#### Exercise description:
The entries below hold a line with "#135=IFCINDEXEDPOLYGONALFACE((27,28,32,31));" and a line with "#151=IFCINDEXEDPOLYGONALFACE((9,13,14,10));". Return those lines and all that lie between them, exactly and only.

#### Extracted entries:
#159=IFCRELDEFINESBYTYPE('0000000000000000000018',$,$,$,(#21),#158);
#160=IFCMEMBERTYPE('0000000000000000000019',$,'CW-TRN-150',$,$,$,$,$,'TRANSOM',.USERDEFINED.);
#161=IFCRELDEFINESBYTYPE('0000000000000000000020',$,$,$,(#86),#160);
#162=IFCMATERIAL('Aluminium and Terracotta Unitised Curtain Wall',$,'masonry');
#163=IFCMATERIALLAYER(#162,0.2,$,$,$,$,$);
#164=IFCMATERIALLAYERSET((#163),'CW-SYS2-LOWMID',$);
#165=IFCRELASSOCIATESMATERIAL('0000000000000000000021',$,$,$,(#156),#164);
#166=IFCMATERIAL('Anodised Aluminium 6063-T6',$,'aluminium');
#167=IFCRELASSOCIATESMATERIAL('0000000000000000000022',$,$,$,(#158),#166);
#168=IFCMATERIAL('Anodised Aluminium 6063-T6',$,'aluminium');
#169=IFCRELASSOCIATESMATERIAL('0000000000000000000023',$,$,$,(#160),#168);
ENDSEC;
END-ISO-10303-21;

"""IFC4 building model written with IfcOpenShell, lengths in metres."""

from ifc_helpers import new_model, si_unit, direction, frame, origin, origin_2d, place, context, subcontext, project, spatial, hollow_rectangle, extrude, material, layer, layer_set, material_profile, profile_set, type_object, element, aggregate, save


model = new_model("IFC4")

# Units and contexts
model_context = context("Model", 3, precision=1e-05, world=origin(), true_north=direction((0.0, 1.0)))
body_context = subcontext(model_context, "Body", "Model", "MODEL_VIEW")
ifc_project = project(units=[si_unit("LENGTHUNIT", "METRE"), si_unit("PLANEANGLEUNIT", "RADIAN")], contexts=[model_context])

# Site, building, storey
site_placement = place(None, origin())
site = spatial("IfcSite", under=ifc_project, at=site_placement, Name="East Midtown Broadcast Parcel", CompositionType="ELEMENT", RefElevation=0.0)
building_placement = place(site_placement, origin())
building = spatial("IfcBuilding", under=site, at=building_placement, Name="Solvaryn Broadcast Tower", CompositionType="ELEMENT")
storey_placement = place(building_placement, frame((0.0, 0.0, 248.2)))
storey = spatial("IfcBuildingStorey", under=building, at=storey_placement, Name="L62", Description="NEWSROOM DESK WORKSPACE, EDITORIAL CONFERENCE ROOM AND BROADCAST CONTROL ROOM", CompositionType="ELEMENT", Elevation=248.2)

...

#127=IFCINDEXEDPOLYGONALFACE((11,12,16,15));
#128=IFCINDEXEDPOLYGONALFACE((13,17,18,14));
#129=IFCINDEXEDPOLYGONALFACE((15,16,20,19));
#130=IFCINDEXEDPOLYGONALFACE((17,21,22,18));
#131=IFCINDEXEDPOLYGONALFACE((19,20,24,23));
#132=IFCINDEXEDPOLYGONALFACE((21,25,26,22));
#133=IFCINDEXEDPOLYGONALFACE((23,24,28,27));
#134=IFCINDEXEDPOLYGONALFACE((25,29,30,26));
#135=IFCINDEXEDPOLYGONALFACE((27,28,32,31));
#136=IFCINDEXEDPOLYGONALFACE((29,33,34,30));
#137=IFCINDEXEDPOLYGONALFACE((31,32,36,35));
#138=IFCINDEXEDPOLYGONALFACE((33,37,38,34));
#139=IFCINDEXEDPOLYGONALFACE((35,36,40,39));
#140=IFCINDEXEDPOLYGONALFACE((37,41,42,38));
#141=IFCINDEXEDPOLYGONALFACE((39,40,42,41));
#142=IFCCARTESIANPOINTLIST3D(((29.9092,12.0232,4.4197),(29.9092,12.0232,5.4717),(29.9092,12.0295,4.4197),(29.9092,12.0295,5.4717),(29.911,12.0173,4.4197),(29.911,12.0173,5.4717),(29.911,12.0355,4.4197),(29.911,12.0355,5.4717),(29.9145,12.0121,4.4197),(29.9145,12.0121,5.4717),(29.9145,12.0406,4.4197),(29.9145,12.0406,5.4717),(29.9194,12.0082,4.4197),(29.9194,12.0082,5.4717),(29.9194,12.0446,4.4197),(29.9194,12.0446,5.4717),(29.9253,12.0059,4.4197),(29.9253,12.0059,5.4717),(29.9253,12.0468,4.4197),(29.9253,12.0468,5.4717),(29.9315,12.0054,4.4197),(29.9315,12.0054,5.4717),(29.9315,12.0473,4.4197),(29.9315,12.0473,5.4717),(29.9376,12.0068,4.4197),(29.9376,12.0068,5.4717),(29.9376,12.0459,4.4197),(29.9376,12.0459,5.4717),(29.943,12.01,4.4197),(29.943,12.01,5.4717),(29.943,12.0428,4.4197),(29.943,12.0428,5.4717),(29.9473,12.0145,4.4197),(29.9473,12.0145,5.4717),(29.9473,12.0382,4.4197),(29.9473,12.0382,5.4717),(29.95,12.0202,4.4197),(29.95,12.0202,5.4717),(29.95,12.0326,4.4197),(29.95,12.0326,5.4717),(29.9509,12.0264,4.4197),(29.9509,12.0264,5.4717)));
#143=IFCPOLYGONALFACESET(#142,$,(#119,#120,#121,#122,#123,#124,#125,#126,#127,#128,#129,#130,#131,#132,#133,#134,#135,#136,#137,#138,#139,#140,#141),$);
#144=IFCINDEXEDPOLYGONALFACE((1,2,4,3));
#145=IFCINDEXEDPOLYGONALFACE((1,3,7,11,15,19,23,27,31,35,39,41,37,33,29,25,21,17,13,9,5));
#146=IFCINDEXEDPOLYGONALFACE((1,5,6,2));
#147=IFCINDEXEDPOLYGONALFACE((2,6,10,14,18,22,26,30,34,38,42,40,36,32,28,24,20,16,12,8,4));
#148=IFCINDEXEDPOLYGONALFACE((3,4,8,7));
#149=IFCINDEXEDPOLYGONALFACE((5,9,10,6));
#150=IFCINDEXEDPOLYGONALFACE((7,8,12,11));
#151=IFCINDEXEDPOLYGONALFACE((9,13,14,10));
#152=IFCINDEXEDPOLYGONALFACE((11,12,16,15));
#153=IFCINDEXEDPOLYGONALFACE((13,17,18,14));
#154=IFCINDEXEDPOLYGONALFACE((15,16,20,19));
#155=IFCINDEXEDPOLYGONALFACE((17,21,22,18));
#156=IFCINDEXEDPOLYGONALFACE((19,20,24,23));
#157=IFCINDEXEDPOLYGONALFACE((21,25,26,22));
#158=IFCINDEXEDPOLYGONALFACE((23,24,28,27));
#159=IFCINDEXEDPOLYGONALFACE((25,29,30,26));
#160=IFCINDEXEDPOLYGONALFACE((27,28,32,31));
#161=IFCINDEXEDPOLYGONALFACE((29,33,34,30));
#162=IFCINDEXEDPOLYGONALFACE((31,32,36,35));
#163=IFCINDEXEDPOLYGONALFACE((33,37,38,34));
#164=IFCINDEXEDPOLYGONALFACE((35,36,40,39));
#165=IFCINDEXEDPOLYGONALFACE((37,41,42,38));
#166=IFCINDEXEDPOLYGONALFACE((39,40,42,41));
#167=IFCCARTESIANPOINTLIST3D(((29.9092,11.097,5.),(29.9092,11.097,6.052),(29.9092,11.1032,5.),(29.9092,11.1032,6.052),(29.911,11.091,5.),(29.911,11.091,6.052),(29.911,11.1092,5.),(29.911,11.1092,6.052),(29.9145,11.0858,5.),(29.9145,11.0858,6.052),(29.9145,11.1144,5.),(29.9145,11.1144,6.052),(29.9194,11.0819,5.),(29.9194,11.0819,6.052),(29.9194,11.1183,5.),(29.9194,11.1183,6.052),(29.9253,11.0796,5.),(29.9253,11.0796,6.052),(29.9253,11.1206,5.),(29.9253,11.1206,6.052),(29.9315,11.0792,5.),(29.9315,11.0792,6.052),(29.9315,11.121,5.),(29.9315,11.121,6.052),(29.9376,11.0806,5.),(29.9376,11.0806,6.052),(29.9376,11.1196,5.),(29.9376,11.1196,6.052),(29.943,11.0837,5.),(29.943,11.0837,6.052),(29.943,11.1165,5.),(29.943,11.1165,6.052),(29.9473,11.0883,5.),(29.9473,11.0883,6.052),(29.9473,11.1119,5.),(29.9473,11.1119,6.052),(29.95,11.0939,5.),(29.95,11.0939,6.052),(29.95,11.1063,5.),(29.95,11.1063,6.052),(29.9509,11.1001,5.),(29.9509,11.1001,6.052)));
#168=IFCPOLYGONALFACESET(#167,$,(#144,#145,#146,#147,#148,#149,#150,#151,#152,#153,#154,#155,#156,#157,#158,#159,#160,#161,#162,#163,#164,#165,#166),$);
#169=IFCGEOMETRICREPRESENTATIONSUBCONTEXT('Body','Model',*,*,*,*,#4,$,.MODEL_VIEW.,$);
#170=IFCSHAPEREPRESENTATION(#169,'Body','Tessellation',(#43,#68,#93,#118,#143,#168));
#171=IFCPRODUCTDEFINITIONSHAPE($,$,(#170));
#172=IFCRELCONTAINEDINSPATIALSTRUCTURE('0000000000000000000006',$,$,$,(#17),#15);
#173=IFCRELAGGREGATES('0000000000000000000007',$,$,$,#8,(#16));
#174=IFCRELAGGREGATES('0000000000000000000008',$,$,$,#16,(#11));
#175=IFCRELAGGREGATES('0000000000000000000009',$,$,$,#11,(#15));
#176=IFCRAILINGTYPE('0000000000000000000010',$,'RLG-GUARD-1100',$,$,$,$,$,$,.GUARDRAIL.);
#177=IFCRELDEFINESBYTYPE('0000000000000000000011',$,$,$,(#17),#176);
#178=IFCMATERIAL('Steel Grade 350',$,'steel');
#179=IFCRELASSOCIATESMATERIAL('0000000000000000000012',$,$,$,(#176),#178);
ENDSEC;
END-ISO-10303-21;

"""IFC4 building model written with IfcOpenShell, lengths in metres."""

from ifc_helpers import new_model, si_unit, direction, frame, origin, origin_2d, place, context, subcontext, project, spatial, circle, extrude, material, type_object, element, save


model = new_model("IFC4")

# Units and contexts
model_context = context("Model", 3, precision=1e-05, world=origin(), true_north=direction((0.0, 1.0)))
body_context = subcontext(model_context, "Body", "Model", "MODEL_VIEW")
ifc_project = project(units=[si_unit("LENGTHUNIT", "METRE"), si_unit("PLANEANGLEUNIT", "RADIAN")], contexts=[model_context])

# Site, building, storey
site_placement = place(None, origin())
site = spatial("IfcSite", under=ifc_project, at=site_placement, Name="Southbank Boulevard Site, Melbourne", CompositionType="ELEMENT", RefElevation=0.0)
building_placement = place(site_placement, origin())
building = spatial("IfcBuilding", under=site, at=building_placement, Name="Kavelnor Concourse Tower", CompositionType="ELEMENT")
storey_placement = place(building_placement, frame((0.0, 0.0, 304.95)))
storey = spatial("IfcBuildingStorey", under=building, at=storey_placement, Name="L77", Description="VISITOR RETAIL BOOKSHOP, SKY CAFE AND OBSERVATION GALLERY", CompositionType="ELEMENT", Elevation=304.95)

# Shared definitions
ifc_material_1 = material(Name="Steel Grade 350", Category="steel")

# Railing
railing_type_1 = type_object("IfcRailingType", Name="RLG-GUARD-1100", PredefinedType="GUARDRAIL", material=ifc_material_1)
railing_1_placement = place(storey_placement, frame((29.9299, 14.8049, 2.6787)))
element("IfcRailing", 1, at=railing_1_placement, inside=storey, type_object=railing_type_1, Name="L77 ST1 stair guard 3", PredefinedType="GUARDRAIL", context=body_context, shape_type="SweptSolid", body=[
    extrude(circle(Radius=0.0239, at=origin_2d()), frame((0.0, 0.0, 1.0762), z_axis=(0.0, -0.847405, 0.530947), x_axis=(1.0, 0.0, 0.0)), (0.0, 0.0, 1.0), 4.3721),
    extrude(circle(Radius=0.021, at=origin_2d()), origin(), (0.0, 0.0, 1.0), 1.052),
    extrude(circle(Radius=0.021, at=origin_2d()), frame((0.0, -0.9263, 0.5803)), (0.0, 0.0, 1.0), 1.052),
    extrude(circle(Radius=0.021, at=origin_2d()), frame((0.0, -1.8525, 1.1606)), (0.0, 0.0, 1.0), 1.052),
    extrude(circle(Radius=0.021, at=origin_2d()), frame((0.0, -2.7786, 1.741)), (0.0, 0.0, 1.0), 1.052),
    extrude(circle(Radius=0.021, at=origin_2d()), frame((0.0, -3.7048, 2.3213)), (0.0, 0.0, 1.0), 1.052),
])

#### Answer to this task:
#135=IFCINDEXEDPOLYGONALFACE((27,28,32,31));
#136=IFCINDEXEDPOLYGONALFACE((29,33,34,30));
#137=IFCINDEXEDPOLYGONALFACE((31,32,36,35));
#138=IFCINDEXEDPOLYGONALFACE((33,37,38,34));
#139=IFCINDEXEDPOLYGONALFACE((35,36,40,39));
#140=IFCINDEXEDPOLYGONALFACE((37,41,42,38));
#141=IFCINDEXEDPOLYGONALFACE((39,40,42,41));
#142=IFCCARTESIANPOINTLIST3D(((29.9092,12.0232,4.4197),(29.9092,12.0232,5.4717),(29.9092,12.0295,4.4197),(29.9092,12.0295,5.4717),(29.911,12.0173,4.4197),(29.911,12.0173,5.4717),(29.911,12.0355,4.4197),(29.911,12.0355,5.4717),(29.9145,12.0121,4.4197),(29.9145,12.0121,5.4717),(29.9145,12.0406,4.4197),(29.9145,12.0406,5.4717),(29.9194,12.0082,4.4197),(29.9194,12.0082,5.4717),(29.9194,12.0446,4.4197),(29.9194,12.0446,5.4717),(29.9253,12.0059,4.4197),(29.9253,12.0059,5.4717),(29.9253,12.0468,4.4197),(29.9253,12.0468,5.4717),(29.9315,12.0054,4.4197),(29.9315,12.0054,5.4717),(29.9315,12.0473,4.4197),(29.9315,12.0473,5.4717),(29.9376,12.0068,4.4197),(29.9376,12.0068,5.4717),(29.9376,12.0459,4.4197),(29.9376,12.0459,5.4717),(29.943,12.01,4.4197),(29.943,12.01,5.4717),(29.943,12.0428,4.4197),(29.943,12.0428,5.4717),(29.9473,12.0145,4.4197),(29.9473,12.0145,5.4717),(29.9473,12.0382,4.4197),(29.9473,12.0382,5.4717),(29.95,12.0202,4.4197),(29.95,12.0202,5.4717),(29.95,12.0326,4.4197),(29.95,12.0326,5.4717),(29.9509,12.0264,4.4197),(29.9509,12.0264,5.4717)));
#143=IFCPOLYGONALFACESET(#142,$,(#119,#120,#121,#122,#123,#124,#125,#126,#127,#128,#129,#130,#131,#132,#133,#134,#135,#136,#137,#138,#139,#140,#141),$);
#144=IFCINDEXEDPOLYGONALFACE((1,2,4,3));
#145=IFCINDEXEDPOLYGONALFACE((1,3,7,11,15,19,23,27,31,35,39,41,37,33,29,25,21,17,13,9,5));
#146=IFCINDEXEDPOLYGONALFACE((1,5,6,2));
#147=IFCINDEXEDPOLYGONALFACE((2,6,10,14,18,22,26,30,34,38,42,40,36,32,28,24,20,16,12,8,4));
#148=IFCINDEXEDPOLYGONALFACE((3,4,8,7));
#149=IFCINDEXEDPOLYGONALFACE((5,9,10,6));
#150=IFCINDEXEDPOLYGONALFACE((7,8,12,11));
#151=IFCINDEXEDPOLYGONALFACE((9,13,14,10));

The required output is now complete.